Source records
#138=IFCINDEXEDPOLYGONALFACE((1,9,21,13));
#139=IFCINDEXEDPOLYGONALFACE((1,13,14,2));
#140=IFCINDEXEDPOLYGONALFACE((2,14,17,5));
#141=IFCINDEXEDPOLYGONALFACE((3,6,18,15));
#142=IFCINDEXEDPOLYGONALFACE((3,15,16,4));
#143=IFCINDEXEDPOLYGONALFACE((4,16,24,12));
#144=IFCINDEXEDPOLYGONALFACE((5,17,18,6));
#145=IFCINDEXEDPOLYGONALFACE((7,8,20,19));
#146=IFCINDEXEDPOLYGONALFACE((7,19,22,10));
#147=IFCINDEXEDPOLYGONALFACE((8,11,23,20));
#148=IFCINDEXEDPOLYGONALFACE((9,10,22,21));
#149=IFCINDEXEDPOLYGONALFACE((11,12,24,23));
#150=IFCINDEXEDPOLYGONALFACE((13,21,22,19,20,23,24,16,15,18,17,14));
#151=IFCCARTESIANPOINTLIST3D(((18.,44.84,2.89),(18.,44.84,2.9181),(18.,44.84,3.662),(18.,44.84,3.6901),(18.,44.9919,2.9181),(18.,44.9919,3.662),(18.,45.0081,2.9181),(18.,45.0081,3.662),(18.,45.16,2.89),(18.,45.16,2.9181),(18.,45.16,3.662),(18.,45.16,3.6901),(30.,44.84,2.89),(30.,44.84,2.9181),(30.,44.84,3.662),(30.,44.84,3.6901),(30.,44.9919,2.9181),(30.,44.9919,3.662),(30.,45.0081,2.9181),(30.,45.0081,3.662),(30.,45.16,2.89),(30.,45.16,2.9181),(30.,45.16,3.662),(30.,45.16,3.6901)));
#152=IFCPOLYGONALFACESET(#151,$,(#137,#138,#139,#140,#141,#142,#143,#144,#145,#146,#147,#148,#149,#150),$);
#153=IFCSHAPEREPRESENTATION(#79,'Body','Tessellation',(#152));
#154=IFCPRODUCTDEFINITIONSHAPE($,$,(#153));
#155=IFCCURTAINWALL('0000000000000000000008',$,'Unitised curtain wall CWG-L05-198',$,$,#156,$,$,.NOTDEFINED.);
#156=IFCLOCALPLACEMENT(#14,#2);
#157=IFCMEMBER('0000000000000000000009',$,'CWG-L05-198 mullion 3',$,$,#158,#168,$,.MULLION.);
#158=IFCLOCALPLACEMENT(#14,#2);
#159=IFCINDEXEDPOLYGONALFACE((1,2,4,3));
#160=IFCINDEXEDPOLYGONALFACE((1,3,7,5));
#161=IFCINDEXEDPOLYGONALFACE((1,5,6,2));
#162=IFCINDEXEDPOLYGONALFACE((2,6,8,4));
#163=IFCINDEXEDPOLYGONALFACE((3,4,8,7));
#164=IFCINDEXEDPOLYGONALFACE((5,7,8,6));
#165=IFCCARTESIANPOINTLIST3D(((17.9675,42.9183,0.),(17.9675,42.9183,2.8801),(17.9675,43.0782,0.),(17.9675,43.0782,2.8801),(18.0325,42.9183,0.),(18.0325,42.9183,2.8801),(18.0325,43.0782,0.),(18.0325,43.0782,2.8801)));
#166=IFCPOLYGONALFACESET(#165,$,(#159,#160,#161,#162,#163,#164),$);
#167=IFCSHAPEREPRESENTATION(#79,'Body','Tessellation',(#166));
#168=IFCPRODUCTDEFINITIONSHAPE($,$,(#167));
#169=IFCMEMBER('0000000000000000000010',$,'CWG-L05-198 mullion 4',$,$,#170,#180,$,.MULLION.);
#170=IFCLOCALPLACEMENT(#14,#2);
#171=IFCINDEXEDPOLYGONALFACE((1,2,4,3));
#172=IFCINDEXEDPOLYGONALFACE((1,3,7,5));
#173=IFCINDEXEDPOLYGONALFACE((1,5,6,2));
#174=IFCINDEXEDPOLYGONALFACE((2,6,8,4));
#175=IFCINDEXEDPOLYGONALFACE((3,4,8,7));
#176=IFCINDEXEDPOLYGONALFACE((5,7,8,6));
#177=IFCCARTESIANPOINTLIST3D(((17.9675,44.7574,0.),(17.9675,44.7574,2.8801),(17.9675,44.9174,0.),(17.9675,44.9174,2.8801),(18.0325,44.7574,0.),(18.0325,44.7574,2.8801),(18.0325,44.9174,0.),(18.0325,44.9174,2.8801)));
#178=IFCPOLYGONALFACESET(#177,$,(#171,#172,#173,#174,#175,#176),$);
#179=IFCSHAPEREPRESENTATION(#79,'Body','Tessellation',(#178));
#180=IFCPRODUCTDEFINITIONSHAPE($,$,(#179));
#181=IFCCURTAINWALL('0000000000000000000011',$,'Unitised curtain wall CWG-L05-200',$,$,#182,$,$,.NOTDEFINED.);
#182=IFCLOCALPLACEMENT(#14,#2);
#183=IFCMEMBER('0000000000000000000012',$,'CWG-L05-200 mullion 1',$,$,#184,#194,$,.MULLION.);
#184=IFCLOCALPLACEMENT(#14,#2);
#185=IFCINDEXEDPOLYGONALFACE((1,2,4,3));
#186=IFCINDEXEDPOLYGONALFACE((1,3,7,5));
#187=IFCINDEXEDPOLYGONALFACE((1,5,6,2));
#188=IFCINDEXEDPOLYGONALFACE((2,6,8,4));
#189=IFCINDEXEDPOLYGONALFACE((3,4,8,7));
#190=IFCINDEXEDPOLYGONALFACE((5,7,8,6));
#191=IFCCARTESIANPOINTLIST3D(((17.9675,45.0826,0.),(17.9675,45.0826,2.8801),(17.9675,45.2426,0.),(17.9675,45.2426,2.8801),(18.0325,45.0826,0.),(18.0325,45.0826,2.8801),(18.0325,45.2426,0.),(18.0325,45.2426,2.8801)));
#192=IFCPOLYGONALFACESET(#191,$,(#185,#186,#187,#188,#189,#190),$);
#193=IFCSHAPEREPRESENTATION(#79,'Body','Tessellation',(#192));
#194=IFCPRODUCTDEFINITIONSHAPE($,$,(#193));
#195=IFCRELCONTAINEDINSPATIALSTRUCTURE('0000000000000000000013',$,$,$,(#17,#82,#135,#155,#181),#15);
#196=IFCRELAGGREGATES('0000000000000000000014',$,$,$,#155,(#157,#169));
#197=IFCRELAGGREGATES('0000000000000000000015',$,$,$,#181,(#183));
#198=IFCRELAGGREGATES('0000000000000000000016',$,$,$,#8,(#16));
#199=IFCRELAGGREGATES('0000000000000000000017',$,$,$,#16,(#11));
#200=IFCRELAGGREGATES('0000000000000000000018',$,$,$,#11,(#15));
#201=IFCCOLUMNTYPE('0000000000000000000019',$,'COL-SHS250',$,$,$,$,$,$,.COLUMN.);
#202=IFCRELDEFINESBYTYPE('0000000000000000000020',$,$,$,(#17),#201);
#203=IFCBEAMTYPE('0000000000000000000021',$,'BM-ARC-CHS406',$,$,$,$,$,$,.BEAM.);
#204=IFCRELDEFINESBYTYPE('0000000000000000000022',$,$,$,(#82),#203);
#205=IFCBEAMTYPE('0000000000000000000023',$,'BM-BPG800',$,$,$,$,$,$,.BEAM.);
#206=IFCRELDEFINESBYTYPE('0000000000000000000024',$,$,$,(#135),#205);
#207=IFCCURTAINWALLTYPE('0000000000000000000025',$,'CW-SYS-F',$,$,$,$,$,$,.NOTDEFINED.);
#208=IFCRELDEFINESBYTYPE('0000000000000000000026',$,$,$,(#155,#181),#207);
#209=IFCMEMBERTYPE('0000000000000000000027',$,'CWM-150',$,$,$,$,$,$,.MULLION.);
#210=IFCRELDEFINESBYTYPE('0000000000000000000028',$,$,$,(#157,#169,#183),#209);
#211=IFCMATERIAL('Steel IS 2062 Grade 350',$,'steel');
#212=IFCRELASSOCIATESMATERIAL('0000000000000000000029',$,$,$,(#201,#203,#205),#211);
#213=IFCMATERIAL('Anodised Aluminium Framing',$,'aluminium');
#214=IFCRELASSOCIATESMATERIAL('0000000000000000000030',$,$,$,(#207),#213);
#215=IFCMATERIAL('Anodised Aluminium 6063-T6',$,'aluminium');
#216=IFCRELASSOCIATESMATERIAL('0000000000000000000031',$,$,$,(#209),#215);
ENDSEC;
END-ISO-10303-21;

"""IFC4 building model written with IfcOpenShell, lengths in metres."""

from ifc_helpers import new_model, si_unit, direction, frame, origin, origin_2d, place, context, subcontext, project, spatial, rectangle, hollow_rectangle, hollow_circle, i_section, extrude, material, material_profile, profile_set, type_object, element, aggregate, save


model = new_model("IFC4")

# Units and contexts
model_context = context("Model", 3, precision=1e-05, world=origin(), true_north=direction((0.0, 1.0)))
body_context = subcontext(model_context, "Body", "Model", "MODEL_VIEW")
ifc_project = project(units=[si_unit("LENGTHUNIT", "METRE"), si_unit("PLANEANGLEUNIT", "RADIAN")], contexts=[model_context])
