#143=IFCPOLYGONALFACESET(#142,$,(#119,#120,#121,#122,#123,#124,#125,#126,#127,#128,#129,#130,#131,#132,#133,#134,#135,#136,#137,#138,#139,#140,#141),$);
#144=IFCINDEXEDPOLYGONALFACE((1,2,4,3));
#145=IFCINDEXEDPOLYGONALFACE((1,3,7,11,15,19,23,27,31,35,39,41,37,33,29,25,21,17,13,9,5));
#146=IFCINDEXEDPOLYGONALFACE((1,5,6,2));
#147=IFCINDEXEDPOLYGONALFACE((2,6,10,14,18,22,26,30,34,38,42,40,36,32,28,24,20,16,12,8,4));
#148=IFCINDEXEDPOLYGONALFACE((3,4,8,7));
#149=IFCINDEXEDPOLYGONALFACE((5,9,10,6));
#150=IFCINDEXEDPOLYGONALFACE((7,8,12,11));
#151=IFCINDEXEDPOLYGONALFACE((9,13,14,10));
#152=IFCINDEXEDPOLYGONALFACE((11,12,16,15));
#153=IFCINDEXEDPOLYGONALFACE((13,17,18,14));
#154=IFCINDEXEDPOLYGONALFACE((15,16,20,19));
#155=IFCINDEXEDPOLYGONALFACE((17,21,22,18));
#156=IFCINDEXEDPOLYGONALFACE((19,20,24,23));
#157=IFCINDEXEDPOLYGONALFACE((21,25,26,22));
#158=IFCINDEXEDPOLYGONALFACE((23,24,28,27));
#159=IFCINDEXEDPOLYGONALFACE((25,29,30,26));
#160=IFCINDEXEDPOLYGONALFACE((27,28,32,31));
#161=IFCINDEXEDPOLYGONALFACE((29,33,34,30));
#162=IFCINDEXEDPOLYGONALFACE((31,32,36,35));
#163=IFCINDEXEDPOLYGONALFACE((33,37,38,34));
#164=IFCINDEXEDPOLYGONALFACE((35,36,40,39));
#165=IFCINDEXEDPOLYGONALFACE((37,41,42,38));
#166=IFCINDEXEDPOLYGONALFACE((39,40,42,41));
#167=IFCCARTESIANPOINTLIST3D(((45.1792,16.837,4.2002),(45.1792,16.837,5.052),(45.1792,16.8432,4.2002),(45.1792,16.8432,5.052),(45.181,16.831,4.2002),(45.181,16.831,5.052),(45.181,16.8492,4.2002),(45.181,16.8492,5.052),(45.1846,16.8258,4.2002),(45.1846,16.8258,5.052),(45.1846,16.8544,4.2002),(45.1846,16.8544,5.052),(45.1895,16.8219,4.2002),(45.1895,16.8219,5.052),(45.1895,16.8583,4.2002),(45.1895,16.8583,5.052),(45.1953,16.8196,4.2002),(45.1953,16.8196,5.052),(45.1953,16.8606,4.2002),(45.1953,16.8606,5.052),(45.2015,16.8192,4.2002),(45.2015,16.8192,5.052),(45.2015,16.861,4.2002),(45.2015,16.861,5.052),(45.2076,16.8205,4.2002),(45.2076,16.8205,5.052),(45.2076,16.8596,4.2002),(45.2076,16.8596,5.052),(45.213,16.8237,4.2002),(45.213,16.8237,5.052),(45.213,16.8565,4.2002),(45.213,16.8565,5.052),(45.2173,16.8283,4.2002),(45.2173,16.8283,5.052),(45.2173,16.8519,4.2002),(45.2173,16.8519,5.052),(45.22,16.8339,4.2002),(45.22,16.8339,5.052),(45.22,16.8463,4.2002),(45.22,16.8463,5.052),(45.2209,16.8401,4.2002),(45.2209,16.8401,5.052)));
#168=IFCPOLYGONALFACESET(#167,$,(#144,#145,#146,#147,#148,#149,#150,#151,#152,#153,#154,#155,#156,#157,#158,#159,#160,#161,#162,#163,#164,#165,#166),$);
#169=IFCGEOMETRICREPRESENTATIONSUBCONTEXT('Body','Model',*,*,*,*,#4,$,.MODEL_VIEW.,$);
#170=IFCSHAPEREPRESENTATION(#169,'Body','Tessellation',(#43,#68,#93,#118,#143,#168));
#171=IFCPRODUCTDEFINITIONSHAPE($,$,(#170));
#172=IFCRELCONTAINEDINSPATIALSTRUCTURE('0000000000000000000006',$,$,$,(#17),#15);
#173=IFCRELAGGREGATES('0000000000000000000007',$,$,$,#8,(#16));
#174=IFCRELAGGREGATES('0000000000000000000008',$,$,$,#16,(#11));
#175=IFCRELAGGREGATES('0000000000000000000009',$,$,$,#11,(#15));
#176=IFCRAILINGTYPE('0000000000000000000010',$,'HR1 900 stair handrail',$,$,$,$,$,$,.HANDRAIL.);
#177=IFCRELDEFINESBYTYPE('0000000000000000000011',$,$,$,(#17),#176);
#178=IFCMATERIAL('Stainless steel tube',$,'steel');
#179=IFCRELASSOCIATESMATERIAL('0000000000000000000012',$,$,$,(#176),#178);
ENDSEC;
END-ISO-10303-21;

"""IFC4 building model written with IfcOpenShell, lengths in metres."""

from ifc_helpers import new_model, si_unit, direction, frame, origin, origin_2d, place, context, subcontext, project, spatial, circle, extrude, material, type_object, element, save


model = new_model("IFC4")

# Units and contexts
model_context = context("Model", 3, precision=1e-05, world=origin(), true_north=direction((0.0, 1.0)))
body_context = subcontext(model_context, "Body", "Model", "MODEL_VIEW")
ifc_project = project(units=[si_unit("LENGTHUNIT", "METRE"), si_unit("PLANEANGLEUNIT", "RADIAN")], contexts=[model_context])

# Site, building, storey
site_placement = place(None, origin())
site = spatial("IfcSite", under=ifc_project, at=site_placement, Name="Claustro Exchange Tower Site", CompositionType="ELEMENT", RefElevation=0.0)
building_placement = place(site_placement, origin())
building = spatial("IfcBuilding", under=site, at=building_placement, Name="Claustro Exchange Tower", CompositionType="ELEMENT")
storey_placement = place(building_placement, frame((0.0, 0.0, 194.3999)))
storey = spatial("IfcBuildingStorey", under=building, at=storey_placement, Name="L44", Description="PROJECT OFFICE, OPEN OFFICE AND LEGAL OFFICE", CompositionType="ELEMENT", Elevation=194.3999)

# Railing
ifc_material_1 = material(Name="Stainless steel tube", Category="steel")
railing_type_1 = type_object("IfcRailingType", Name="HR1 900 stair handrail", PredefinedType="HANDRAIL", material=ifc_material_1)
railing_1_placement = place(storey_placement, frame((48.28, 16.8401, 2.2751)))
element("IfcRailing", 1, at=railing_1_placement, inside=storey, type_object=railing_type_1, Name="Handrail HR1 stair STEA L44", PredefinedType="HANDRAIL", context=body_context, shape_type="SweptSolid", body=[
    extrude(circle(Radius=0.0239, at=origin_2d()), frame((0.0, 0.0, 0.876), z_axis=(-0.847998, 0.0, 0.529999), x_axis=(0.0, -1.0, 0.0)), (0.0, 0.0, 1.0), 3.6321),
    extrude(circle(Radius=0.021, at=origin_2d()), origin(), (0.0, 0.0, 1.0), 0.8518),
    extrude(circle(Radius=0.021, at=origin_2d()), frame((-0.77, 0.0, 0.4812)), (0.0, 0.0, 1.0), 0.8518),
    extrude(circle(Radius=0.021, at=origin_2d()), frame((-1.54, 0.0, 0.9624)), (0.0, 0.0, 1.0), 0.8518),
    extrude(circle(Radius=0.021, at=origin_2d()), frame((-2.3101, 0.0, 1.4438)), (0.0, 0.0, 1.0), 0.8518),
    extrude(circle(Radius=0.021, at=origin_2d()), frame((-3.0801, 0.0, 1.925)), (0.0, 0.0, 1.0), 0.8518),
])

**Try it:**
Could you restate word for word the lines above from the one containing "type_object, element, save" through the one containing "frame((48.28, 16.8401, 2.2751)))", both included, and nothing else?

**Exercise result:**
from ifc_helpers import new_model, si_unit, direction, frame, origin, origin_2d, place, context, subcontext, project, spatial, circle, extrude, material, type_object, element, save


model = new_model("IFC4")

# Units and contexts
model_context = context("Model", 3, precision=1e-05, world=origin(), true_north=direction((0.0, 1.0)))
body_context = subcontext(model_context, "Body", "Model", "MODEL_VIEW")
ifc_project = project(units=[si_unit("LENGTHUNIT", "METRE"), si_unit("PLANEANGLEUNIT", "RADIAN")], contexts=[model_context])

# Site, building, storey
site_placement = place(None, origin())
site = spatial("IfcSite", under=ifc_project, at=site_placement, Name="Claustro Exchange Tower Site", CompositionType="ELEMENT", RefElevation=0.0)
building_placement = place(site_placement, origin())
building = spatial("IfcBuilding", under=site, at=building_placement, Name="Claustro Exchange Tower", CompositionType="ELEMENT")
storey_placement = place(building_placement, frame((0.0, 0.0, 194.3999)))
storey = spatial("IfcBuildingStorey", under=building, at=storey_placement, Name="L44", Description="PROJECT OFFICE, OPEN OFFICE AND LEGAL OFFICE", CompositionType="ELEMENT", Elevation=194.3999)

# Railing
ifc_material_1 = material(Name="Stainless steel tube", Category="steel")
railing_type_1 = type_object("IfcRailingType", Name="HR1 900 stair handrail", PredefinedType="HANDRAIL", material=ifc_material_1)
railing_1_placement = place(storey_placement, frame((48.28, 16.8401, 2.2751)))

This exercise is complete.